From the material below, tally every line containing "libraries"; reply with the total only.
- Opening Delimiter -
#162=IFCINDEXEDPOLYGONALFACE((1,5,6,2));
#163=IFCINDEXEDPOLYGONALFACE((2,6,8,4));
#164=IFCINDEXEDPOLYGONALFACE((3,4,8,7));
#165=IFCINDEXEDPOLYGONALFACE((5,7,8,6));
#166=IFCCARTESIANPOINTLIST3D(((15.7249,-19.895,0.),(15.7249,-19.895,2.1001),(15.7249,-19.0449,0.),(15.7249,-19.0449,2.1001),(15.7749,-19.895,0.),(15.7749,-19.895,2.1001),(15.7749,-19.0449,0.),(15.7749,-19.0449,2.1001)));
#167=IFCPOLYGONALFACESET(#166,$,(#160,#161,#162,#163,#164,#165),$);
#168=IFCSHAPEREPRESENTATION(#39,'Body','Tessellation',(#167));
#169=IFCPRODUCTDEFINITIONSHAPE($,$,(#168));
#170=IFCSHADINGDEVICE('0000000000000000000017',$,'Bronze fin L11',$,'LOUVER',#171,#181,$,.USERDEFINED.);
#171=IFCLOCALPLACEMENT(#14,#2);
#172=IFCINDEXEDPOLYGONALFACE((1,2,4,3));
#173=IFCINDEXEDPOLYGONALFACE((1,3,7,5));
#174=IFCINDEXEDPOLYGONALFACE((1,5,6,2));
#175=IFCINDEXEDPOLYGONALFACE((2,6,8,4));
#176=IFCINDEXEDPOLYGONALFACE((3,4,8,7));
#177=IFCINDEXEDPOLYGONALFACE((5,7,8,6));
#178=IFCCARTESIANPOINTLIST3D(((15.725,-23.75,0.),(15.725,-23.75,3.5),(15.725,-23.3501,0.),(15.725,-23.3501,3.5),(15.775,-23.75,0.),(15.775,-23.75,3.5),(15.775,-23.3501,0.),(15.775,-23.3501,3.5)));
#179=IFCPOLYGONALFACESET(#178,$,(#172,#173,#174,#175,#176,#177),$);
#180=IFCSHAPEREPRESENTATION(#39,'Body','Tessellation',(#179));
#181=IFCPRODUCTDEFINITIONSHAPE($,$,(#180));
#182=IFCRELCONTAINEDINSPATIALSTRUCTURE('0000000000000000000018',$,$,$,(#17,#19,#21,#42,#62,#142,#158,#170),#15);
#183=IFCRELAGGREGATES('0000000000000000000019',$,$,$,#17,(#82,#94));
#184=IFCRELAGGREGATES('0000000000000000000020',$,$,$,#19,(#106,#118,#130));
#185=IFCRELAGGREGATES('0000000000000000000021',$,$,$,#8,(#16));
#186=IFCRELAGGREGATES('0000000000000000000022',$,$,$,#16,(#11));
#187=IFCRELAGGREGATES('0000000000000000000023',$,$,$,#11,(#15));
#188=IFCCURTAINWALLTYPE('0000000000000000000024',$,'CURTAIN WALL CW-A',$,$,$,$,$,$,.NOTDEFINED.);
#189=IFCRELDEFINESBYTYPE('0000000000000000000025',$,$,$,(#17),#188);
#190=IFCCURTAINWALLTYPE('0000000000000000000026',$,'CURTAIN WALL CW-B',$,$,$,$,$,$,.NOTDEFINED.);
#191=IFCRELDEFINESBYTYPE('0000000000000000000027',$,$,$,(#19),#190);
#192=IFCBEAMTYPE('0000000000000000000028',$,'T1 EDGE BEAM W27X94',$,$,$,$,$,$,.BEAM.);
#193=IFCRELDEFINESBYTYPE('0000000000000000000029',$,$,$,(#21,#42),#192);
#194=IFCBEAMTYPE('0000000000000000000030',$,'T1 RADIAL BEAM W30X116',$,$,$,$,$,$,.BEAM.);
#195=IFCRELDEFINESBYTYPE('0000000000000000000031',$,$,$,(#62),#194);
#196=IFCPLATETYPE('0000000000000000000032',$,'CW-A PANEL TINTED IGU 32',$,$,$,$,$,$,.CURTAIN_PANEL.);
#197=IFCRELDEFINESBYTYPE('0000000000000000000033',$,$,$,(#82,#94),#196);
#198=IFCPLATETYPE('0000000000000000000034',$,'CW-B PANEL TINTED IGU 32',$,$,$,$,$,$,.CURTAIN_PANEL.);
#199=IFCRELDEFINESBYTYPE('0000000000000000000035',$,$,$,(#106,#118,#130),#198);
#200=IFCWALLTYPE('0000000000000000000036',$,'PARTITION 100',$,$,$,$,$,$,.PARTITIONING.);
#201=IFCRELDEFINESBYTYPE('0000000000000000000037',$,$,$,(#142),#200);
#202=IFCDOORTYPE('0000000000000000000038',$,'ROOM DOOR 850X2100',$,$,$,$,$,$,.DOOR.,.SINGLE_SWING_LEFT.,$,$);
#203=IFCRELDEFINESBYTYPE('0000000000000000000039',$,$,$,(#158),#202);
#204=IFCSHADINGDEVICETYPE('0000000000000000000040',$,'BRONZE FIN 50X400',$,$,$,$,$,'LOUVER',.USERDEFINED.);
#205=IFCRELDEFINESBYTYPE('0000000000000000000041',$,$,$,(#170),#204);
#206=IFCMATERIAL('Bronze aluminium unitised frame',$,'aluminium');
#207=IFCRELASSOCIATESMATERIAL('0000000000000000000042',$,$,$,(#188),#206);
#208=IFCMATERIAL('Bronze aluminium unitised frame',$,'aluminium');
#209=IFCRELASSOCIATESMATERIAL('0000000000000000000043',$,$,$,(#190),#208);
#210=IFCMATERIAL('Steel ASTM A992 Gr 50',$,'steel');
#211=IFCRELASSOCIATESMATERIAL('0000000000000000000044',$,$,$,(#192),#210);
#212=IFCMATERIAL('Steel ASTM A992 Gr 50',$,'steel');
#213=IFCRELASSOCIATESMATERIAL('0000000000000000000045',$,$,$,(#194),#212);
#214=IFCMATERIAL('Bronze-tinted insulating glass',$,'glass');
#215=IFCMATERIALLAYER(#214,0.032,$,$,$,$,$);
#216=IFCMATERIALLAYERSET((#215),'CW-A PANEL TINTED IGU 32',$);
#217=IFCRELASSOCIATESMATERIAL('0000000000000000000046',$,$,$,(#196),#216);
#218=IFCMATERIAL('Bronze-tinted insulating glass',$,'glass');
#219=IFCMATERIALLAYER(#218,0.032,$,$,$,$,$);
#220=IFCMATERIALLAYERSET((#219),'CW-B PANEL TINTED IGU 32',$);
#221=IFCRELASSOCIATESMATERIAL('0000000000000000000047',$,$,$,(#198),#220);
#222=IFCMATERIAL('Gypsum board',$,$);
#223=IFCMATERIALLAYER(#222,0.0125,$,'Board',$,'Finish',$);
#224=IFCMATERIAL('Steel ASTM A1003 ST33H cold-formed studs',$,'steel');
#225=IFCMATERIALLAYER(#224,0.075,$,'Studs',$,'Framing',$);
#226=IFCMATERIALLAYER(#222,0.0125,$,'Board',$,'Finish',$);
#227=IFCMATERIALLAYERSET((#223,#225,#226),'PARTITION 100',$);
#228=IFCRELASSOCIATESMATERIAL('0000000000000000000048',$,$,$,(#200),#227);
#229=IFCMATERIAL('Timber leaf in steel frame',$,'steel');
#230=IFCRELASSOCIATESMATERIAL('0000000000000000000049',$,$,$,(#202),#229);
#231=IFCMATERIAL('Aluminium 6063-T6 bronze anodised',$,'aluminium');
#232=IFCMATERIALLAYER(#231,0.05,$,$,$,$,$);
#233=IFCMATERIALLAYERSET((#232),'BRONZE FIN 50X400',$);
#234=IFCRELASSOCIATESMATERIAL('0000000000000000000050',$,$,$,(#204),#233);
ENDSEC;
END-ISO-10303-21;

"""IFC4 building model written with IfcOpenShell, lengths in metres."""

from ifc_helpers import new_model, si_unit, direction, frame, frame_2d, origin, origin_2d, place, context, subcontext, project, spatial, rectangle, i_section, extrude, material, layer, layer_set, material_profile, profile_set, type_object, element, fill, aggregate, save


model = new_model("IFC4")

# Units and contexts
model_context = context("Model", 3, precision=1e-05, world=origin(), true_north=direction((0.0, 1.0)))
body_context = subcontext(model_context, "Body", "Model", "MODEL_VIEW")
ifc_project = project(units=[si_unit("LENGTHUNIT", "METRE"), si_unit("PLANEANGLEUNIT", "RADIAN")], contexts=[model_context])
- Closing Delimiter -
- Opening Delimiter -
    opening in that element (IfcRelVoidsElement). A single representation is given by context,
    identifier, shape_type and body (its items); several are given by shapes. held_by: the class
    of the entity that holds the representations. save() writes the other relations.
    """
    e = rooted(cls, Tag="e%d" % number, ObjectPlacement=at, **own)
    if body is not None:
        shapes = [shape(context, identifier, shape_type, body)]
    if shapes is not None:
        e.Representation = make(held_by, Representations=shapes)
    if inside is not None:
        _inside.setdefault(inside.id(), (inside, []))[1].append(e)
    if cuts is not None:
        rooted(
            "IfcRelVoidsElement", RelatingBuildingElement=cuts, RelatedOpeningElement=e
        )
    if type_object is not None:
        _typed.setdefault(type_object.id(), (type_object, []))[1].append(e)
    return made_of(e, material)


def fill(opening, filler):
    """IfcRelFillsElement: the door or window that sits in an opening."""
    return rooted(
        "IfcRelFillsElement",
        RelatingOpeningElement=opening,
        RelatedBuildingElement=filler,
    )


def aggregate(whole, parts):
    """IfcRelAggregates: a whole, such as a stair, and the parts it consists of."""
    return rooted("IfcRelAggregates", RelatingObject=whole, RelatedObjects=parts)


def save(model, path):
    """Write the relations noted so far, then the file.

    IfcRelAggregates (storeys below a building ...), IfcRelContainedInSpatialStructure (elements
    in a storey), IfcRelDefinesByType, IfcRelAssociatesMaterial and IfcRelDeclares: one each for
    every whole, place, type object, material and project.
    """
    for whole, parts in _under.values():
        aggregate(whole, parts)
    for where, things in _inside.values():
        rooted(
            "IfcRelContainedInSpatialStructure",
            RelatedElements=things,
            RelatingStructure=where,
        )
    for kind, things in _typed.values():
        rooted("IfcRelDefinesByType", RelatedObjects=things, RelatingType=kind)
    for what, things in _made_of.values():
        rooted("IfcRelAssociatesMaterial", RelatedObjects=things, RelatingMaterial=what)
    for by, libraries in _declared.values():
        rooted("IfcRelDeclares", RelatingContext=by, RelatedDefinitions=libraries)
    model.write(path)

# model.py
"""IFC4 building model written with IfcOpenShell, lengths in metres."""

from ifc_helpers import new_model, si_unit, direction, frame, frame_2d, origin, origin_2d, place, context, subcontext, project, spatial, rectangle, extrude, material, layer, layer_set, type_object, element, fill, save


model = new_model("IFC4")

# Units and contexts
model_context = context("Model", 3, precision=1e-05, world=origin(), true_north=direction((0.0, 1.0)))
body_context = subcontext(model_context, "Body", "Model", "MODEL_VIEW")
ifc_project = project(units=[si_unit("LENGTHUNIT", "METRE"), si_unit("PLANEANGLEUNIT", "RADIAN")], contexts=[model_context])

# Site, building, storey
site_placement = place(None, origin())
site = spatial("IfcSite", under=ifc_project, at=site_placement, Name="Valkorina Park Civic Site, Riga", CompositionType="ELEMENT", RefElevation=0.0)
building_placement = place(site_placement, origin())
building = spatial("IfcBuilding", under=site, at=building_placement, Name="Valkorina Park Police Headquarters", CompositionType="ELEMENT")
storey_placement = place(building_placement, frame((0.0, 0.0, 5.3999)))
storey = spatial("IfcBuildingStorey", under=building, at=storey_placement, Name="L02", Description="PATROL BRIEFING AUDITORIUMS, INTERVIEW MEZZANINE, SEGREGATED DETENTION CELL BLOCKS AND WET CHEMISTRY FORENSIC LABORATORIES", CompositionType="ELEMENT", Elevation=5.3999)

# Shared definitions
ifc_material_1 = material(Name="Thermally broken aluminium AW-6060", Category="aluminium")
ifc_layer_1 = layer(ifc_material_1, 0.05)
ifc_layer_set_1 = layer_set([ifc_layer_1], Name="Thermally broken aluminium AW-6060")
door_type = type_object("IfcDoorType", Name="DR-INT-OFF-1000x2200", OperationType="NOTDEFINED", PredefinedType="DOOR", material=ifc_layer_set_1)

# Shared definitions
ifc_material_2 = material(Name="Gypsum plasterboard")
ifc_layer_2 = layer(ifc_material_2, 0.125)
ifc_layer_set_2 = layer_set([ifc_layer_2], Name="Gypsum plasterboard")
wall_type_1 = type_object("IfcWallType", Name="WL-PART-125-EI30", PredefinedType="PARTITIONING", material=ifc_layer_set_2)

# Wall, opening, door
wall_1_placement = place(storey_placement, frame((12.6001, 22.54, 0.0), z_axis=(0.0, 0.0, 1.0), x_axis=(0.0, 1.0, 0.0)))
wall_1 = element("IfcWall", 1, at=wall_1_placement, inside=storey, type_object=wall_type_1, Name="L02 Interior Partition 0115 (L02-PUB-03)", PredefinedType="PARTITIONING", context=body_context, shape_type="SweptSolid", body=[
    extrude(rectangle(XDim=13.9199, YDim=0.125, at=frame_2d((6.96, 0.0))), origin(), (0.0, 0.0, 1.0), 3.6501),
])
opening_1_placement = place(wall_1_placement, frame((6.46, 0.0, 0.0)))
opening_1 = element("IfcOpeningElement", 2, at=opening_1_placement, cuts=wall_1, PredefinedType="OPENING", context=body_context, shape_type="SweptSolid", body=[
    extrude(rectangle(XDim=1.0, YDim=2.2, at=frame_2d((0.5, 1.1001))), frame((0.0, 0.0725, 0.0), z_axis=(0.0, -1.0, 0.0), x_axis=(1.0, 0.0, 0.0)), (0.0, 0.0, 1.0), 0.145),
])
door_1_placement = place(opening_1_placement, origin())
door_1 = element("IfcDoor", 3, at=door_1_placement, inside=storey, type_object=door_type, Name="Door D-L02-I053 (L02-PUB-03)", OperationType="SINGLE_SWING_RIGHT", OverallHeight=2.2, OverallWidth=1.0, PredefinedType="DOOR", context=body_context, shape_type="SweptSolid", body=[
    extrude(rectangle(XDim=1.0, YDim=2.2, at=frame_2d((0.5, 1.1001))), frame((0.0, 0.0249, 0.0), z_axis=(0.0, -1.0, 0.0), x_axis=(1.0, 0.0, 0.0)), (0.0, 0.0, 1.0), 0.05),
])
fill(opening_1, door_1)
- Closing Delimiter -
→ WRITTEN REPLY
2